**** Records supplied

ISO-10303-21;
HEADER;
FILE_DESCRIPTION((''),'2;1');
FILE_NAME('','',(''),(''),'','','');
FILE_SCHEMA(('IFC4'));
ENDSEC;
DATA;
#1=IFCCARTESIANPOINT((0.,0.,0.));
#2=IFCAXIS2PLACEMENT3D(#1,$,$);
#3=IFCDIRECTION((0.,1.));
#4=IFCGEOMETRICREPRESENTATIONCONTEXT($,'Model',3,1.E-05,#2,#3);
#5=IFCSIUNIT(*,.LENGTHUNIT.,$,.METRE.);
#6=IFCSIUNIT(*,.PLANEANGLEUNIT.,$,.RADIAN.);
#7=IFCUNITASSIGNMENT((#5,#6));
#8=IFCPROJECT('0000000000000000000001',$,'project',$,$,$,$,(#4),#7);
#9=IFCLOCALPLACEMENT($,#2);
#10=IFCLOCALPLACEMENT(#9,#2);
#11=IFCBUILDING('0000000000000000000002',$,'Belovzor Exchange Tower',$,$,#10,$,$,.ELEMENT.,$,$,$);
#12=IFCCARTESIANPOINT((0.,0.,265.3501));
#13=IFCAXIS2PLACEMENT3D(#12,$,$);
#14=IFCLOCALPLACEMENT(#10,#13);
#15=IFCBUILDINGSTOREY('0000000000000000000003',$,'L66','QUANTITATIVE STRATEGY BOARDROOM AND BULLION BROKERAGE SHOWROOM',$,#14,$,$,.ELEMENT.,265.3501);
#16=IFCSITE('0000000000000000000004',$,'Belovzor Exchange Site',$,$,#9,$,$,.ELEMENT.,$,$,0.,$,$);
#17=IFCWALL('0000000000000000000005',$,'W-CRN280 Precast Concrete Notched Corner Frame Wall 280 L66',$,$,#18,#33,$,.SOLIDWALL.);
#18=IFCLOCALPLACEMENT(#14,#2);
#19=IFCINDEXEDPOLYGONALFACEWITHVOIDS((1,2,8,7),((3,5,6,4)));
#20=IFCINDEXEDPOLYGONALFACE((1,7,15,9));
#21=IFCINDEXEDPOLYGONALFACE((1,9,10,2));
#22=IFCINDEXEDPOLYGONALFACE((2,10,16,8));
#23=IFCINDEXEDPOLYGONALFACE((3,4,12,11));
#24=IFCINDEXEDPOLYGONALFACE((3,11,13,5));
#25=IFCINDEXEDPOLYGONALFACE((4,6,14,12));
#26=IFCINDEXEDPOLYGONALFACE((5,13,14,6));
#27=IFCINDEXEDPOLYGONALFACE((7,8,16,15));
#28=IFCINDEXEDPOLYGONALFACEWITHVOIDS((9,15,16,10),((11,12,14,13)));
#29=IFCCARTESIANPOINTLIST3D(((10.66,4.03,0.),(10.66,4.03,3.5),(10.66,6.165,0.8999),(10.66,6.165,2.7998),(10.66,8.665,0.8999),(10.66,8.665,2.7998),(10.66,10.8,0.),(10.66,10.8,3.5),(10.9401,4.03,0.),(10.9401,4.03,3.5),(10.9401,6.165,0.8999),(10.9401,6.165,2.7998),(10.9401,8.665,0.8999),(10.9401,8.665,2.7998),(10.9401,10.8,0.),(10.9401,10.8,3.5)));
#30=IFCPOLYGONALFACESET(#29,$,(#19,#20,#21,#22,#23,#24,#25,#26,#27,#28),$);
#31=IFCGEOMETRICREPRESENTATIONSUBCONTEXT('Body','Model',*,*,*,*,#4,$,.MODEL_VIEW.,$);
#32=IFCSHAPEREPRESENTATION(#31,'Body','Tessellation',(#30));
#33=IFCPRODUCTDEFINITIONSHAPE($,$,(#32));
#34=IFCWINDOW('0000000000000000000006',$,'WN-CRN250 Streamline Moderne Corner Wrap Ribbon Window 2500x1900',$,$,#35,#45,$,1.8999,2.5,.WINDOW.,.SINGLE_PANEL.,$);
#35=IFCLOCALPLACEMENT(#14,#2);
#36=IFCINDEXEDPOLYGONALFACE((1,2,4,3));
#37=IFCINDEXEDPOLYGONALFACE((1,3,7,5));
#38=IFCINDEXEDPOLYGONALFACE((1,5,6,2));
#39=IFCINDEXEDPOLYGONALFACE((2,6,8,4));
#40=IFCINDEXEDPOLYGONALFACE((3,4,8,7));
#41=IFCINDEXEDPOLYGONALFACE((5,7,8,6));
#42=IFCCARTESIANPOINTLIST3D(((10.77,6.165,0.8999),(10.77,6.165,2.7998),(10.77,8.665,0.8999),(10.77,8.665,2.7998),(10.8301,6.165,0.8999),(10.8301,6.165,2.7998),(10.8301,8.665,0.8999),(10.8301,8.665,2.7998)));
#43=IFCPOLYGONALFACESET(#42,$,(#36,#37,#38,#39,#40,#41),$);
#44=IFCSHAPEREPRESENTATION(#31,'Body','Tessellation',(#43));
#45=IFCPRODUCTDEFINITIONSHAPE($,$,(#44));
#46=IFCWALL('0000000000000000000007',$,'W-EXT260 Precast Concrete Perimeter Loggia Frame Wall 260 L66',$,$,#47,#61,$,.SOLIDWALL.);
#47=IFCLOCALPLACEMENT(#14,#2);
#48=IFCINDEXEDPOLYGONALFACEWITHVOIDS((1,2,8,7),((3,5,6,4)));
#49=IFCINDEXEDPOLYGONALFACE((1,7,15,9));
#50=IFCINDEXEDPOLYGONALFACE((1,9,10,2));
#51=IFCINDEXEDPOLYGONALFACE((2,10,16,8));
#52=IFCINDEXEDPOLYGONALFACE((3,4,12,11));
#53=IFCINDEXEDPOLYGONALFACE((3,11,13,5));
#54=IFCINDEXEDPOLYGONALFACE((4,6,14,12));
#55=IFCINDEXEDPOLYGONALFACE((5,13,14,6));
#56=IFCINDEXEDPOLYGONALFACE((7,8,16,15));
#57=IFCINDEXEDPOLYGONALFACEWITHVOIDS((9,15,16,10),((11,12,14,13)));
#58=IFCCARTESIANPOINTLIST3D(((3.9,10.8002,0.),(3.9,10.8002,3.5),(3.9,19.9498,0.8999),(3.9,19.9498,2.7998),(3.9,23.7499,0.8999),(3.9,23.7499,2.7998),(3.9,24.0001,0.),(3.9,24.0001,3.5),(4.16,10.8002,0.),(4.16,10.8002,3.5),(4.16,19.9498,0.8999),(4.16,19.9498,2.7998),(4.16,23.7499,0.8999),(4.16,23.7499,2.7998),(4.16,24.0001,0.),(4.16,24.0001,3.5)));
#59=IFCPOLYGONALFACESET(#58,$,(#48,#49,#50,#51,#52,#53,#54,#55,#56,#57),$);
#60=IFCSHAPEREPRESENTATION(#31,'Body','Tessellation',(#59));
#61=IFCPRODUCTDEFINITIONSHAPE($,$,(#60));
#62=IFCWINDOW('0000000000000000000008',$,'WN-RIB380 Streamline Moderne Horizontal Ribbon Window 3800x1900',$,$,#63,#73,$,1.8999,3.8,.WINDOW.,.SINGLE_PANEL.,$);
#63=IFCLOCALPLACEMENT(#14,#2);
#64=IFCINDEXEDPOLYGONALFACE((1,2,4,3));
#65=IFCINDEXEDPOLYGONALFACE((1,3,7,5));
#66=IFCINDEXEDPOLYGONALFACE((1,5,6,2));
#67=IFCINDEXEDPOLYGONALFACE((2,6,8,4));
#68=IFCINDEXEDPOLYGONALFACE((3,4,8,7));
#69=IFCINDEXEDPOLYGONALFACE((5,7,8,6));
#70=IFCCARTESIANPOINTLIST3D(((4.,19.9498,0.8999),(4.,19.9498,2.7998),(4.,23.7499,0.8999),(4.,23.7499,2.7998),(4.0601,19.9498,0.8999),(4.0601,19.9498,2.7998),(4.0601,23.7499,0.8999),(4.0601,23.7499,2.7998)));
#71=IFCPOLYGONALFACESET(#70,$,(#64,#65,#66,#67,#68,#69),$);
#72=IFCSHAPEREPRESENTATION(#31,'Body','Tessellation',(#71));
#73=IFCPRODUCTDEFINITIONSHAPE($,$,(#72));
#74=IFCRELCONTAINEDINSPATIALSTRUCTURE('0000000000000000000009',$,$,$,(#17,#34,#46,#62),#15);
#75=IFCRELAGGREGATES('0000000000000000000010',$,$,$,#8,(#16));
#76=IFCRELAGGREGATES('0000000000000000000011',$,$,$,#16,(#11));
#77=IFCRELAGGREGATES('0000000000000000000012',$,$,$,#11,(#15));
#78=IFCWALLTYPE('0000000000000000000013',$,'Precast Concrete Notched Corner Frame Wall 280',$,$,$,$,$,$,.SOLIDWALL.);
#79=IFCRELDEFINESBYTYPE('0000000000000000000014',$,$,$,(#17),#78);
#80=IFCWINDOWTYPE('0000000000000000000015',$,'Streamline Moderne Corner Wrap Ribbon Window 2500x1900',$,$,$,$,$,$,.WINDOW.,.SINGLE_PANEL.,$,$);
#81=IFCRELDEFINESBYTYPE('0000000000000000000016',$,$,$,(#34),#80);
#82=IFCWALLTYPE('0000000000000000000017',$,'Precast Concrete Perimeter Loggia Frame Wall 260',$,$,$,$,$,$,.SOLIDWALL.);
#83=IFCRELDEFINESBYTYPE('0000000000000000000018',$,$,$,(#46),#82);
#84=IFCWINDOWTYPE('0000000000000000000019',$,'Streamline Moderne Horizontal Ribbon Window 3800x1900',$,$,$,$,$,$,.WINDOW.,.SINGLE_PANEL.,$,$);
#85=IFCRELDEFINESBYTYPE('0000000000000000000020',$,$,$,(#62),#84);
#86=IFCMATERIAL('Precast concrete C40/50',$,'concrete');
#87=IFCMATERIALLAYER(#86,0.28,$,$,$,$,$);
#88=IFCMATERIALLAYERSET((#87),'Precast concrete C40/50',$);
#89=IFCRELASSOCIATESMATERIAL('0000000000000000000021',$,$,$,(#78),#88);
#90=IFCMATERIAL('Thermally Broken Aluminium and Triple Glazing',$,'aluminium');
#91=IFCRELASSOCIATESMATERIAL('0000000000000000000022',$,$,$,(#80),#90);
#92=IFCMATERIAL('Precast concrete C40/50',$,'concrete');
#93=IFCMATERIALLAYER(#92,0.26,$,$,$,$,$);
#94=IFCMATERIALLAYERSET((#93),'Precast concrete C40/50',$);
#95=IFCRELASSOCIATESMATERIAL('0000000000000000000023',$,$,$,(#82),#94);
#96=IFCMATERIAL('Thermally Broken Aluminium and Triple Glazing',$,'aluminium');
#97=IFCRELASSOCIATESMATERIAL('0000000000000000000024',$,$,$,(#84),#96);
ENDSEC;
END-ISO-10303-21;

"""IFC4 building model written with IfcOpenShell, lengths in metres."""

from ifc_helpers import new_model, si_unit, direction, frame, frame_2d, origin, place, context, subcontext, project, spatial, rectangle, extrude, material, layer, layer_set, type_object, element, fill, save


model = new_model("IFC4")

# Units and contexts
model_context = context("Model", 3, precision=1e-05, world=origin(), true_north=direction((0.0, 1.0)))
body_context = subcontext(model_context, "Body", "Model", "MODEL_VIEW")
ifc_project = project(units=[si_unit("LENGTHUNIT", "METRE"), si_unit("PLANEANGLEUNIT", "RADIAN")], contexts=[model_context])

# Site, building, storey
site_placement = place(None, origin())
site = spatial("IfcSite", under=ifc_project, at=site_placement, Name="Belovzor Exchange Site", CompositionType="ELEMENT", RefElevation=0.0)
building_placement = place(site_placement, origin())
building = spatial("IfcBuilding", under=site, at=building_placement, Name="Belovzor Exchange Tower", CompositionType="ELEMENT")
storey_placement = place(building_placement, frame((0.0, 0.0, 265.3501)))
storey = spatial("IfcBuildingStorey", under=building, at=storey_placement, Name="L66", Description="QUANTITATIVE STRATEGY BOARDROOM AND BULLION BROKERAGE SHOWROOM", CompositionType="ELEMENT", Elevation=265.3501)

# Walls, openings, windows
ifc_material_1 = material(Name="Precast concrete C40/50", Category="concrete")
ifc_layer_1 = layer(ifc_material_1, 0.28)
ifc_layer_set_1 = layer_set([ifc_layer_1], Name="Precast concrete C40/50")
wall_type_1 = type_object("IfcWallType", Name="Precast Concrete Notched Corner Frame Wall 280", PredefinedType="SOLIDWALL", material=ifc_layer_set_1)
wall_1_placement = place(storey_placement, frame((10.8, 4.03, 0.0), z_axis=(0.0, 0.0, 1.0), x_axis=(0.0, 1.0, 0.0)))
wall_1 = element("IfcWall", 1, at=wall_1_placement, inside=storey, type_object=wall_type_1, Name="W-CRN280 Precast Concrete Notched Corner Frame Wall 280 L66", PredefinedType="SOLIDWALL", context=body_context, shape_type="SweptSolid", body=[
    extrude(rectangle(XDim=6.77, YDim=0.28, at=frame_2d((3.385, 0.0))), origin(), (0.0, 0.0, 1.0), 3.5),
])
opening_1_placement = place(wall_1_placement, frame((2.135, 0.0, 0.8999)))
opening_1 = element("IfcOpeningElement", 2, at=opening_1_placement, cuts=wall_1, PredefinedType="OPENING", context=body_context, shape_type="SweptSolid", body=[
    extrude(rectangle(XDim=2.5, YDim=1.8999, at=frame_2d((1.25, 0.95))), frame((0.0, 0.1499, 0.0), z_axis=(0.0, -1.0, 0.0), x_axis=(1.0, 0.0, 0.0)), (0.0, 0.0, 1.0), 0.3),
])
ifc_material_2 = material(Name="Thermally Broken Aluminium and Triple Glazing", Category="aluminium")
window_type_1 = type_object("IfcWindowType", Name="Streamline Moderne Corner Wrap Ribbon Window 2500x1900", PartitioningType="SINGLE_PANEL", PredefinedType="WINDOW", material=ifc_material_2)
window_1_placement = place(opening_1_placement, origin())
window_1 = element("IfcWindow", 3, at=window_1_placement, inside=storey, type_object=window_type_1, Name="WN-CRN250 Streamline Moderne Corner Wrap Ribbon Window 2500x1900", OverallHeight=1.8999, OverallWidth=2.5, PartitioningType="SINGLE_PANEL", PredefinedType="WINDOW", context=body_context, shape_type="SweptSolid", body=[
    extrude(rectangle(XDim=2.5, YDim=1.8999, at=frame_2d((1.25, 0.95))), frame((0.0, 0.03, 0.0), z_axis=(0.0, -1.0, 0.0), x_axis=(1.0, 0.0, 0.0)), (0.0, 0.0, 1.0), 0.0601),
])
fill(opening_1, window_1)
ifc_material_3 = material(Name="Precast concrete C40/50", Category="concrete")
ifc_layer_2 = layer(ifc_material_3, 0.26)
ifc_layer_set_2 = layer_set([ifc_layer_2], Name="Precast concrete C40/50")
wall_type_2 = type_object("IfcWallType", Name="Precast Concrete Perimeter Loggia Frame Wall 260", PredefinedType="SOLIDWALL", material=ifc_layer_set_2)
wall_2_placement = place(storey_placement, frame((4.03, 10.8, 0.0), z_axis=(0.0, 0.0, 1.0), x_axis=(0.0, 1.0, 0.0)))
wall_2 = element("IfcWall", 4, at=wall_2_placement, inside=storey, type_object=wall_type_2, Name="W-EXT260 Precast Concrete Perimeter Loggia Frame Wall 260 L66", PredefinedType="SOLIDWALL", context=body_context, shape_type="SweptSolid", body=[
    extrude(rectangle(XDim=13.2, YDim=0.26, at=frame_2d((6.6001, 0.0))), origin(), (0.0, 0.0, 1.0), 3.5),
])
opening_2_placement = place(wall_2_placement, frame((9.1499, 0.0, 0.8999)))
opening_2 = element("IfcOpeningElement", 5, at=opening_2_placement, cuts=wall_2, PredefinedType="OPENING", context=body_context, shape_type="SweptSolid", body=[
    extrude(rectangle(XDim=3.8, YDim=1.8999, at=frame_2d((1.8999, 0.95))), frame((0.0, 0.1399, 0.0), z_axis=(0.0, -1.0, 0.0), x_axis=(1.0, 0.0, 0.0)), (0.0, 0.0, 1.0), 0.28),
])
ifc_material_4 = material(Name="Thermally Broken Aluminium and Triple Glazing", Category="aluminium")
window_type_2 = type_object("IfcWindowType", Name="Streamline Moderne Horizontal Ribbon Window 3800x1900", PartitioningType="SINGLE_PANEL", PredefinedType="WINDOW", material=ifc_material_4)
window_2_placement = place(opening_2_placement, origin())
window_2 = element("IfcWindow", 6, at=window_2_placement, inside=storey, type_object=window_type_2, Name="WN-RIB380 Streamline Moderne Horizontal Ribbon Window 3800x1900", OverallHeight=1.8999, OverallWidth=3.8, PartitioningType="SINGLE_PANEL", PredefinedType="WINDOW", context=body_context, shape_type="SweptSolid", body=[
    extrude(rectangle(XDim=3.8, YDim=1.8999, at=frame_2d((1.8999, 0.95))), frame((0.0, 0.03, 0.0), z_axis=(0.0, -1.0, 0.0), x_axis=(1.0, 0.0, 0.0)), (0.0, 0.0, 1.0), 0.0601),
])
fill(opening_2, window_2)

save(model, "model.ifc")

********

### Exercise details
Every line above from the line with "#5=IFCSIUNIT(*,.LENGTHUNIT.,$,.METRE.);" to the line with "#38=IFCINDEXEDPOLYGONALFACE((1,5,6,2));", both included, must be reproduced exactly, and no other line may appear.

### Response below
#5=IFCSIUNIT(*,.LENGTHUNIT.,$,.METRE.);
#6=IFCSIUNIT(*,.PLANEANGLEUNIT.,$,.RADIAN.);
#7=IFCUNITASSIGNMENT((#5,#6));
#8=IFCPROJECT('0000000000000000000001',$,'project',$,$,$,$,(#4),#7);
#9=IFCLOCALPLACEMENT($,#2);
#10=IFCLOCALPLACEMENT(#9,#2);
#11=IFCBUILDING('0000000000000000000002',$,'Belovzor Exchange Tower',$,$,#10,$,$,.ELEMENT.,$,$,$);
#12=IFCCARTESIANPOINT((0.,0.,265.3501));
#13=IFCAXIS2PLACEMENT3D(#12,$,$);
#14=IFCLOCALPLACEMENT(#10,#13);
#15=IFCBUILDINGSTOREY('0000000000000000000003',$,'L66','QUANTITATIVE STRATEGY BOARDROOM AND BULLION BROKERAGE SHOWROOM',$,#14,$,$,.ELEMENT.,265.3501);
#16=IFCSITE('0000000000000000000004',$,'Belovzor Exchange Site',$,$,#9,$,$,.ELEMENT.,$,$,0.,$,$);
#17=IFCWALL('0000000000000000000005',$,'W-CRN280 Precast Concrete Notched Corner Frame Wall 280 L66',$,$,#18,#33,$,.SOLIDWALL.);
#18=IFCLOCALPLACEMENT(#14,#2);
#19=IFCINDEXEDPOLYGONALFACEWITHVOIDS((1,2,8,7),((3,5,6,4)));
#20=IFCINDEXEDPOLYGONALFACE((1,7,15,9));
#21=IFCINDEXEDPOLYGONALFACE((1,9,10,2));
#22=IFCINDEXEDPOLYGONALFACE((2,10,16,8));
#23=IFCINDEXEDPOLYGONALFACE((3,4,12,11));
#24=IFCINDEXEDPOLYGONALFACE((3,11,13,5));
#25=IFCINDEXEDPOLYGONALFACE((4,6,14,12));
#26=IFCINDEXEDPOLYGONALFACE((5,13,14,6));
#27=IFCINDEXEDPOLYGONALFACE((7,8,16,15));
#28=IFCINDEXEDPOLYGONALFACEWITHVOIDS((9,15,16,10),((11,12,14,13)));
#29=IFCCARTESIANPOINTLIST3D(((10.66,4.03,0.),(10.66,4.03,3.5),(10.66,6.165,0.8999),(10.66,6.165,2.7998),(10.66,8.665,0.8999),(10.66,8.665,2.7998),(10.66,10.8,0.),(10.66,10.8,3.5),(10.9401,4.03,0.),(10.9401,4.03,3.5),(10.9401,6.165,0.8999),(10.9401,6.165,2.7998),(10.9401,8.665,0.8999),(10.9401,8.665,2.7998),(10.9401,10.8,0.),(10.9401,10.8,3.5)));
#30=IFCPOLYGONALFACESET(#29,$,(#19,#20,#21,#22,#23,#24,#25,#26,#27,#28),$);
#31=IFCGEOMETRICREPRESENTATIONSUBCONTEXT('Body','Model',*,*,*,*,#4,$,.MODEL_VIEW.,$);
#32=IFCSHAPEREPRESENTATION(#31,'Body','Tessellation',(#30));
#33=IFCPRODUCTDEFINITIONSHAPE($,$,(#32));
#34=IFCWINDOW('0000000000000000000006',$,'WN-CRN250 Streamline Moderne Corner Wrap Ribbon Window 2500x1900',$,$,#35,#45,$,1.8999,2.5,.WINDOW.,.SINGLE_PANEL.,$);
#35=IFCLOCALPLACEMENT(#14,#2);
#36=IFCINDEXEDPOLYGONALFACE((1,2,4,3));
#37=IFCINDEXEDPOLYGONALFACE((1,3,7,5));
#38=IFCINDEXEDPOLYGONALFACE((1,5,6,2));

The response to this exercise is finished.